Description of the task: Give the number of lines in the entries below that hold "circle", with no accompanying words.

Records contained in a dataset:
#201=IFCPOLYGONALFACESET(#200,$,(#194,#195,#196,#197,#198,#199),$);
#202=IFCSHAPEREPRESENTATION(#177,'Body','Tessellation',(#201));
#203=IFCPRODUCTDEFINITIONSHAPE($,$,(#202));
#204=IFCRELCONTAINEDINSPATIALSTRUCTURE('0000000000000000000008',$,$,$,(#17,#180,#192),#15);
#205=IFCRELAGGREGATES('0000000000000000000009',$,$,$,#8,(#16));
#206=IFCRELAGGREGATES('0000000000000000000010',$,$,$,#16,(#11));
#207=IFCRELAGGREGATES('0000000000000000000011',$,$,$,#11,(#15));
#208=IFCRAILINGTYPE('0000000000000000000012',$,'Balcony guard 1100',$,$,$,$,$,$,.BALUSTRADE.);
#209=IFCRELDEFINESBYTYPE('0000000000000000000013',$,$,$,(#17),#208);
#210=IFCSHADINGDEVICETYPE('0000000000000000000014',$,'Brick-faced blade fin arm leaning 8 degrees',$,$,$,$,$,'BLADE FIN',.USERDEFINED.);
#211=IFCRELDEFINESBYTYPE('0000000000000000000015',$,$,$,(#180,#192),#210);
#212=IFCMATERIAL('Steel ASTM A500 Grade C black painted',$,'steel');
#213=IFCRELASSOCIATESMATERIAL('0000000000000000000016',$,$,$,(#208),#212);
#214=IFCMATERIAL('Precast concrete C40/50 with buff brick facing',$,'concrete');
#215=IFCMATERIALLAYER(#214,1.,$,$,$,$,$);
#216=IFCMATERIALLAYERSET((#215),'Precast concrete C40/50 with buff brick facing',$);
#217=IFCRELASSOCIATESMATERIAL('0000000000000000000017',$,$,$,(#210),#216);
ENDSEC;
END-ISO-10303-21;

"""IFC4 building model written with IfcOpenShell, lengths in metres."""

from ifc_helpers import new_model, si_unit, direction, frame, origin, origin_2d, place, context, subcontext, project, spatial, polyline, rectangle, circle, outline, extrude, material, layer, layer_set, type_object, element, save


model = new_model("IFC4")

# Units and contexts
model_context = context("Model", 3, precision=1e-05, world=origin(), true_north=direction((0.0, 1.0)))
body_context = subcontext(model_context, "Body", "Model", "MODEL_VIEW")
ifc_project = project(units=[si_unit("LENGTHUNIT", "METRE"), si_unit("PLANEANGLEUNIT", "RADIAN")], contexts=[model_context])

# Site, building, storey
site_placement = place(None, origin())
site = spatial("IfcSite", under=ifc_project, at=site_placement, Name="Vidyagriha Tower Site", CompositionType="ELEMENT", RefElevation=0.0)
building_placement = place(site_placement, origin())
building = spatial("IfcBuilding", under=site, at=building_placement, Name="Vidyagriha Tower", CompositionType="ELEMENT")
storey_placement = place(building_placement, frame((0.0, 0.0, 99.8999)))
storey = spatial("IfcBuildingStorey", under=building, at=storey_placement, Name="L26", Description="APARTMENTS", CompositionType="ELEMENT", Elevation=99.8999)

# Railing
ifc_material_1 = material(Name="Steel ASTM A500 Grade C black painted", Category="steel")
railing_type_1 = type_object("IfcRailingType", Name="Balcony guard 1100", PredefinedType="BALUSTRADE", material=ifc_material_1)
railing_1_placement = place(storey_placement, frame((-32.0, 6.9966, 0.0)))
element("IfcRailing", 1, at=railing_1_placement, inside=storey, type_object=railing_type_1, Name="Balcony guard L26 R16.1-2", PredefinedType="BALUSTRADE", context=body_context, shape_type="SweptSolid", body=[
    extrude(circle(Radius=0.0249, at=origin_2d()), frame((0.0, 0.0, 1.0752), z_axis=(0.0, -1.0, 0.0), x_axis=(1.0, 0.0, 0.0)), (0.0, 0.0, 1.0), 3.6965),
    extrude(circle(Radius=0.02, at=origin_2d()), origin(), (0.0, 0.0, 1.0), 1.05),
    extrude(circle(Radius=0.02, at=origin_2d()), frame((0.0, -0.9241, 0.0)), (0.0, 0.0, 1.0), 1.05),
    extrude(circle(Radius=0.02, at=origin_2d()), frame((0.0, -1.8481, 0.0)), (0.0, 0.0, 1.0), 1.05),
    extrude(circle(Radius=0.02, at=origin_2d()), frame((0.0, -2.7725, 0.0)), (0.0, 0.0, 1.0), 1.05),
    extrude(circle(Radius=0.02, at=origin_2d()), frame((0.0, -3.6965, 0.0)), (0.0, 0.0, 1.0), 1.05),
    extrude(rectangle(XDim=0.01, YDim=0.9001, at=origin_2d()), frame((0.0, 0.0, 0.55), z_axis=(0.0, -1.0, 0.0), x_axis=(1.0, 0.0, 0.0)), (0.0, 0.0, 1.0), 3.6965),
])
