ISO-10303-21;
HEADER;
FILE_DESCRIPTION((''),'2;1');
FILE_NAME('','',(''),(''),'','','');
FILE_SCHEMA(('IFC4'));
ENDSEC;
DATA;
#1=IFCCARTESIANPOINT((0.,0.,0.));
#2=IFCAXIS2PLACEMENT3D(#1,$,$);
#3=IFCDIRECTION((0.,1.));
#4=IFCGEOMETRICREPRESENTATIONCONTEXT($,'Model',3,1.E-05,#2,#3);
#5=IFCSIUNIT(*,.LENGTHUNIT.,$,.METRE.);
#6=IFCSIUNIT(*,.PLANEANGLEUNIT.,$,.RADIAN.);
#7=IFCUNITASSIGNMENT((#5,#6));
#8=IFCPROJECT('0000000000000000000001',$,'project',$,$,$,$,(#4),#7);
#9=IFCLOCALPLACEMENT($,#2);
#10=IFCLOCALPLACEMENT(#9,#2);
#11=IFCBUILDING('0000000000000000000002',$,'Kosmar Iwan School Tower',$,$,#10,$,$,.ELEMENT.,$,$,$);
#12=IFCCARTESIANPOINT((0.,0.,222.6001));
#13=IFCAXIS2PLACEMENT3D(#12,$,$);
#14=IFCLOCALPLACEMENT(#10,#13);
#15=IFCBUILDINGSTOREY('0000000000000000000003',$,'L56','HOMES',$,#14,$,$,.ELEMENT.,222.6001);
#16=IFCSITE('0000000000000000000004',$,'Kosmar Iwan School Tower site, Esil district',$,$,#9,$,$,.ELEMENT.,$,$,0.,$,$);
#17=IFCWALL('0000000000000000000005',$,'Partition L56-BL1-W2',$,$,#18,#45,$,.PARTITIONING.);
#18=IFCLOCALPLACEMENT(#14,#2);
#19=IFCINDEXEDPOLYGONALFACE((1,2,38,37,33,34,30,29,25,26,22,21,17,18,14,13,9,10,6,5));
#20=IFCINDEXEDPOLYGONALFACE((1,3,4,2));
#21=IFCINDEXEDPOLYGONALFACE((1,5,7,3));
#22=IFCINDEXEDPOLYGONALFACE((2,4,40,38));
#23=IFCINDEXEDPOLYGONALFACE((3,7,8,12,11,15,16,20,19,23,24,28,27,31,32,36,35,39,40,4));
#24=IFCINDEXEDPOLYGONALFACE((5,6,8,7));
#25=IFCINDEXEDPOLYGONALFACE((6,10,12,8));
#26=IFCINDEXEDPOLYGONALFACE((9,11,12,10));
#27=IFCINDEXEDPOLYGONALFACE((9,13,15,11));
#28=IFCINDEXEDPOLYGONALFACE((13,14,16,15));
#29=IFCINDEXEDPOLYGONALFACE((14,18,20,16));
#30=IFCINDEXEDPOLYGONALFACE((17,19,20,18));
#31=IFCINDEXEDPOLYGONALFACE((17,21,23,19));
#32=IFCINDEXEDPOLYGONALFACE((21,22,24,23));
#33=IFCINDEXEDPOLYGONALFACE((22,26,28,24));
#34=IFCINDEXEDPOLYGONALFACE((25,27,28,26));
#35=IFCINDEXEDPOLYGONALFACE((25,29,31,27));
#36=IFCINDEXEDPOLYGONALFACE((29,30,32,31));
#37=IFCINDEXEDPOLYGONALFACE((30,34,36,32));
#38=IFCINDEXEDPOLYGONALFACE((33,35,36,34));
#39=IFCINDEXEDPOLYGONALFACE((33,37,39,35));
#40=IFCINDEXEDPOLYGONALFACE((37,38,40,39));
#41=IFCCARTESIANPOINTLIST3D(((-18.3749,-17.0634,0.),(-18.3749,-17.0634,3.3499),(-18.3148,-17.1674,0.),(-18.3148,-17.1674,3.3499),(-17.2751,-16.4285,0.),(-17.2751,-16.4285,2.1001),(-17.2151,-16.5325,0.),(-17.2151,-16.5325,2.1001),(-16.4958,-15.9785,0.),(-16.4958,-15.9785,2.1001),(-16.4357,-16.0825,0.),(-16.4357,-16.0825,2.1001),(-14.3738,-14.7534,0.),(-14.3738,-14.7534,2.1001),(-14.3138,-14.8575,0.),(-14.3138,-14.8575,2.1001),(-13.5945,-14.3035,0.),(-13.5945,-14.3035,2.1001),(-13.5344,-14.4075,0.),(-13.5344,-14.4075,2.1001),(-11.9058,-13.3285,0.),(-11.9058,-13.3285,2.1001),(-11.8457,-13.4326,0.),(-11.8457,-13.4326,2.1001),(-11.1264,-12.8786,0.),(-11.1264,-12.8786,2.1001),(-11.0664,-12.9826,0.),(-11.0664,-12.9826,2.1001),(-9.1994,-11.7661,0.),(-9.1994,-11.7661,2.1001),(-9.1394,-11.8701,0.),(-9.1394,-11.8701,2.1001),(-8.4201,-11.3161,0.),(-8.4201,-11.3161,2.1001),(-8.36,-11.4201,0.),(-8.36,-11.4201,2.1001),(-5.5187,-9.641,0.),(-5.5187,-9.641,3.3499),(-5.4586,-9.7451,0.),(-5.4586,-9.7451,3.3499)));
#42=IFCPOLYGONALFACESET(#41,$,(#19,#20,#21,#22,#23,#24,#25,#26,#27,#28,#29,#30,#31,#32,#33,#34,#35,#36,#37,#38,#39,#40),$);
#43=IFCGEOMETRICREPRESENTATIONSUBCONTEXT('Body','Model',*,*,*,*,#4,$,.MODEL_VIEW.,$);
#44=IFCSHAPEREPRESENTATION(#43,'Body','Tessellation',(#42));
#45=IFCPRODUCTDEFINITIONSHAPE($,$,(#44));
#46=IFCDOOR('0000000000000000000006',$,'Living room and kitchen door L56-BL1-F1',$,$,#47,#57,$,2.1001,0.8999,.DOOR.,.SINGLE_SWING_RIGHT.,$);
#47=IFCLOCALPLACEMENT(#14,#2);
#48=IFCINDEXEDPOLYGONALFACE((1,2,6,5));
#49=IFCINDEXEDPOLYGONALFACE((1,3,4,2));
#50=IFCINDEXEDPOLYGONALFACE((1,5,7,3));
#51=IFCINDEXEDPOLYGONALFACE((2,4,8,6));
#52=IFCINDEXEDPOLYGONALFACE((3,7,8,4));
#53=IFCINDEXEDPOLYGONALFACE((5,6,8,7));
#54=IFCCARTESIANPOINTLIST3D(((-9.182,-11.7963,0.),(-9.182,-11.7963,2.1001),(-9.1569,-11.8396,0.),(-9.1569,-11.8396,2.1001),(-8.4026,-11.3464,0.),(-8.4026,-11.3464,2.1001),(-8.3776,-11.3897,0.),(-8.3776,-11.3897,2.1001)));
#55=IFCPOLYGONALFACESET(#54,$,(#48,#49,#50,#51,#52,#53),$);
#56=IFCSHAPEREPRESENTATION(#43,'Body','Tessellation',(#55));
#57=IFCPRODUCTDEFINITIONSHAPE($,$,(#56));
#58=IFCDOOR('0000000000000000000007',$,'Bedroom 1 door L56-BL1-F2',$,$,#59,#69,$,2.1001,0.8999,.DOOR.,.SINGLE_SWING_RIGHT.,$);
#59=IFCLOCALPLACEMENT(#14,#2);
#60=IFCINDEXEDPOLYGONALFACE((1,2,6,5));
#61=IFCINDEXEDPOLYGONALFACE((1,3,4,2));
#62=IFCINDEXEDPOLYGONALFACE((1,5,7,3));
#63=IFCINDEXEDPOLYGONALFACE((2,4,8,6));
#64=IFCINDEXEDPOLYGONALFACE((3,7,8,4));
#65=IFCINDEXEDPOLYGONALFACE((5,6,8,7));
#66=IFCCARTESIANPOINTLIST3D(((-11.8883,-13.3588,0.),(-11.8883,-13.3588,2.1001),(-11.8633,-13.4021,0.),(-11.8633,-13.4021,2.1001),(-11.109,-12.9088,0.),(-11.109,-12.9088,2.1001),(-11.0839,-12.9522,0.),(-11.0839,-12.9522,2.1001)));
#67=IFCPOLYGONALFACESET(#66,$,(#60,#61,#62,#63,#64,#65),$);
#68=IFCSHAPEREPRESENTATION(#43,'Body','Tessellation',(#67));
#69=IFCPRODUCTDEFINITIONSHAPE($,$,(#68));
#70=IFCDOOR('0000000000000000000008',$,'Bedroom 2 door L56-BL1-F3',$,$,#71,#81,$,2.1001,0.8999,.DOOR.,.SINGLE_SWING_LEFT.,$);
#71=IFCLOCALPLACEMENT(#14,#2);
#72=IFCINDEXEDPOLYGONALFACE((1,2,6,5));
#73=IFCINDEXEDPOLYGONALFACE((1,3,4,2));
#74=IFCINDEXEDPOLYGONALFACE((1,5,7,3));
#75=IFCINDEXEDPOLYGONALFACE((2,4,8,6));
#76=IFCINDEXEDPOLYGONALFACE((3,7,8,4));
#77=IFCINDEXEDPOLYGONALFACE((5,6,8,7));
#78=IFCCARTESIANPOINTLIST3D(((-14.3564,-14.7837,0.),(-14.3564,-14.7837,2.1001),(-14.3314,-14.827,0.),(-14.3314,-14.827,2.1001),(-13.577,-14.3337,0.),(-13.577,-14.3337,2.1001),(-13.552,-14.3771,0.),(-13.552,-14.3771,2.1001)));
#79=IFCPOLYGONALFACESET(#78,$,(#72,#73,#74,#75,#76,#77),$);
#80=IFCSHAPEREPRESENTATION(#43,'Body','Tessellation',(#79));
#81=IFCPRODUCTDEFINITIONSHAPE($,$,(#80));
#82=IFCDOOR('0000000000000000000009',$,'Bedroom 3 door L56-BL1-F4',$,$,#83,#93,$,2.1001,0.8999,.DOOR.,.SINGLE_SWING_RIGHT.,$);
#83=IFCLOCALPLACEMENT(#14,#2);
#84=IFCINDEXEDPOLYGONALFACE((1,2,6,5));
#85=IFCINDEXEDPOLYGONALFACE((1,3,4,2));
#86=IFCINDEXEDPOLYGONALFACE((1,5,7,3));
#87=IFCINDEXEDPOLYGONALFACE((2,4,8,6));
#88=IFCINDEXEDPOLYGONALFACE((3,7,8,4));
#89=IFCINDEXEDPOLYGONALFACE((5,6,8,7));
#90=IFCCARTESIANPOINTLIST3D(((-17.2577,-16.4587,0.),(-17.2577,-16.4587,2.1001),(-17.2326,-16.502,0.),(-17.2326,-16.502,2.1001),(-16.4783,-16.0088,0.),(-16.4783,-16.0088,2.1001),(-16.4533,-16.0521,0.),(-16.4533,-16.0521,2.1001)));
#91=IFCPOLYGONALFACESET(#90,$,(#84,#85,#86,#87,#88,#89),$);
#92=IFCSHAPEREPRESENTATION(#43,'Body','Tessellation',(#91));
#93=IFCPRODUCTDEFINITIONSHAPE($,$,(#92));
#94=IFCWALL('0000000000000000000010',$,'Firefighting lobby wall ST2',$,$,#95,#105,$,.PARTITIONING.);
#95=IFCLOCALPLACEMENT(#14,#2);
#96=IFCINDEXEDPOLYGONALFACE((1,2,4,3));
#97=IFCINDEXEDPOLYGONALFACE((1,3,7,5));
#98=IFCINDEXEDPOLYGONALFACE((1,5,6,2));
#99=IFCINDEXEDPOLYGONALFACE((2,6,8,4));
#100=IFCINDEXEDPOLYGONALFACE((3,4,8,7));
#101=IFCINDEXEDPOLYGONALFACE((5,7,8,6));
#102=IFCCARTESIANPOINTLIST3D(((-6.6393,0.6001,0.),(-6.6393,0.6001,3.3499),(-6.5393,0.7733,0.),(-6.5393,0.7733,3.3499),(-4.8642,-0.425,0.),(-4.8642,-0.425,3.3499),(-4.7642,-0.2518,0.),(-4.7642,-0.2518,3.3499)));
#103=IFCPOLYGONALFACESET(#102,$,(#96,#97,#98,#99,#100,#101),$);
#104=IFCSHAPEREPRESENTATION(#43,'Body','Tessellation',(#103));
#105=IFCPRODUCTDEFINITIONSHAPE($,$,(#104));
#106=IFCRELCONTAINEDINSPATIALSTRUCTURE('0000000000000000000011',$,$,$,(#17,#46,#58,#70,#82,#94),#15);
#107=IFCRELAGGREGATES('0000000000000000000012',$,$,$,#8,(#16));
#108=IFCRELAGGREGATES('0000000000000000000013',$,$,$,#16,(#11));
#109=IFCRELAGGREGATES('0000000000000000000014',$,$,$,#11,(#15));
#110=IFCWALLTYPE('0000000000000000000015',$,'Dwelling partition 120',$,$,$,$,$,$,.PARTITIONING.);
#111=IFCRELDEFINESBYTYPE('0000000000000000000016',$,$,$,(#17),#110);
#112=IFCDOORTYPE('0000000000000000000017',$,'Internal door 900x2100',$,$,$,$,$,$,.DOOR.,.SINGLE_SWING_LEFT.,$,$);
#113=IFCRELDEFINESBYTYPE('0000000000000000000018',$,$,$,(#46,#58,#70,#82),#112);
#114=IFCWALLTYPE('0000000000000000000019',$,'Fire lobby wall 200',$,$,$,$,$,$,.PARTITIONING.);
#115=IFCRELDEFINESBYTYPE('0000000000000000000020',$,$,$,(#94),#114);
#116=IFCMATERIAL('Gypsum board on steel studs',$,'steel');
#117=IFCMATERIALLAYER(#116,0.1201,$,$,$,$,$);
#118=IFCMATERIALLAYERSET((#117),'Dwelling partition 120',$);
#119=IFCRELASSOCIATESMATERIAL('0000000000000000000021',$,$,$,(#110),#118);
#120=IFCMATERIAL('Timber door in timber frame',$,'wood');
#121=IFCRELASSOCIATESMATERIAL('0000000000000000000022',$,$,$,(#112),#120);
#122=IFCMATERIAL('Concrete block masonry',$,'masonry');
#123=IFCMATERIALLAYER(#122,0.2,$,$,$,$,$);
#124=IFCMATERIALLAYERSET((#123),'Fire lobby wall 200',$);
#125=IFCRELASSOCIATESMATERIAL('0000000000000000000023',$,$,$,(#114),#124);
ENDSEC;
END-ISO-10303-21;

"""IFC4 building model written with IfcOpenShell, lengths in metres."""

from ifc_helpers import new_model, si_unit, direction, frame, frame_2d, origin, place, context, subcontext, project, spatial, rectangle, extrude, material, layer, layer_set, type_object, element, fill, save


model = new_model("IFC4")

# Units and contexts
model_context = context("Model", 3, precision=1e-05, world=origin(), true_north=direction((0.0, 1.0)))
body_context = subcontext(model_context, "Body", "Model", "MODEL_VIEW")
ifc_project = project(units=[si_unit("LENGTHUNIT", "METRE"), si_unit("PLANEANGLEUNIT", "RADIAN")], contexts=[model_context])

# Site, building, storey
site_placement = place(None, origin())
site = spatial("IfcSite", under=ifc_project, at=site_placement, Name="Kosmar Iwan School Tower site, Esil district", CompositionType="ELEMENT", RefElevation=0.0)
building_placement = place(site_placement, origin())
building = spatial("IfcBuilding", under=site, at=building_placement, Name="Kosmar Iwan School Tower", CompositionType="ELEMENT")
storey_placement = place(building_placement, frame((0.0, 0.0, 222.6001)))
storey = spatial("IfcBuildingStorey", under=building, at=storey_placement, Name="L56", Description="HOMES", CompositionType="ELEMENT", Elevation=222.6001)

# Wall, openings, doors
ifc_material_1 = material(Name="Gypsum board on steel studs", Category="steel")
ifc_layer_1 = layer(ifc_material_1, 0.1201)
ifc_layer_set_1 = layer_set([ifc_layer_1], Name="Dwelling partition 120")
wall_type_1 = type_object("IfcWallType", Name="Dwelling partition 120", PredefinedType="PARTITIONING", material=ifc_layer_set_1)
ifc_material_2 = material(Name="Timber door in timber frame", Category="wood")
door_type_1 = type_object("IfcDoorType", Name="Internal door 900x2100", OperationType="SINGLE_SWING_LEFT", PredefinedType="DOOR", material=ifc_material_2)
wall_1_placement = place(storey_placement, frame((-5.4888, -9.6931, 0.0), z_axis=(0.0, 0.0, 1.0), x_axis=(-0.86603, -0.499992, 0.0)))
wall_1 = element("IfcWall", 1, at=wall_1_placement, inside=storey, type_object=wall_type_1, Name="Partition L56-BL1-W2", PredefinedType="PARTITIONING", context=body_context, shape_type="SweptSolid", body=[
    extrude(rectangle(XDim=14.845, YDim=0.1201, at=frame_2d((7.4224, 0.0))), origin(), (0.0, 0.0, 1.0), 3.3499),
])
opening_1_placement = place(wall_1_placement, frame((3.3501, 0.0, 0.0)))
opening_1 = element("IfcOpeningElement", 2, at=opening_1_placement, cuts=wall_1, PredefinedType="OPENING", context=body_context, shape_type="SweptSolid", body=[
    extrude(rectangle(XDim=0.8999, YDim=2.1001, at=frame_2d((0.45, 1.05))), frame((0.0, 0.072, 0.0), z_axis=(0.0, -1.0, 0.0), x_axis=(1.0, 0.0, 0.0)), (0.0, 0.0, 1.0), 0.144),
])
opening_2_placement = place(wall_1_placement, frame((6.4751, 0.0, 0.0)))
opening_2 = element("IfcOpeningElement", 3, at=opening_2_placement, cuts=wall_1, PredefinedType="OPENING", context=body_context, shape_type="SweptSolid", body=[
    extrude(rectangle(XDim=0.8999, YDim=2.1001, at=frame_2d((0.45, 1.05))), frame((0.0, 0.072, 0.0), z_axis=(0.0, -1.0, 0.0), x_axis=(1.0, 0.0, 0.0)), (0.0, 0.0, 1.0), 0.144),
])
opening_3_placement = place(wall_1_placement, frame((9.325, 0.0, 0.0)))
opening_3 = element("IfcOpeningElement", 4, at=opening_3_placement, cuts=wall_1, PredefinedType="OPENING", context=body_context, shape_type="SweptSolid", body=[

Answer: 7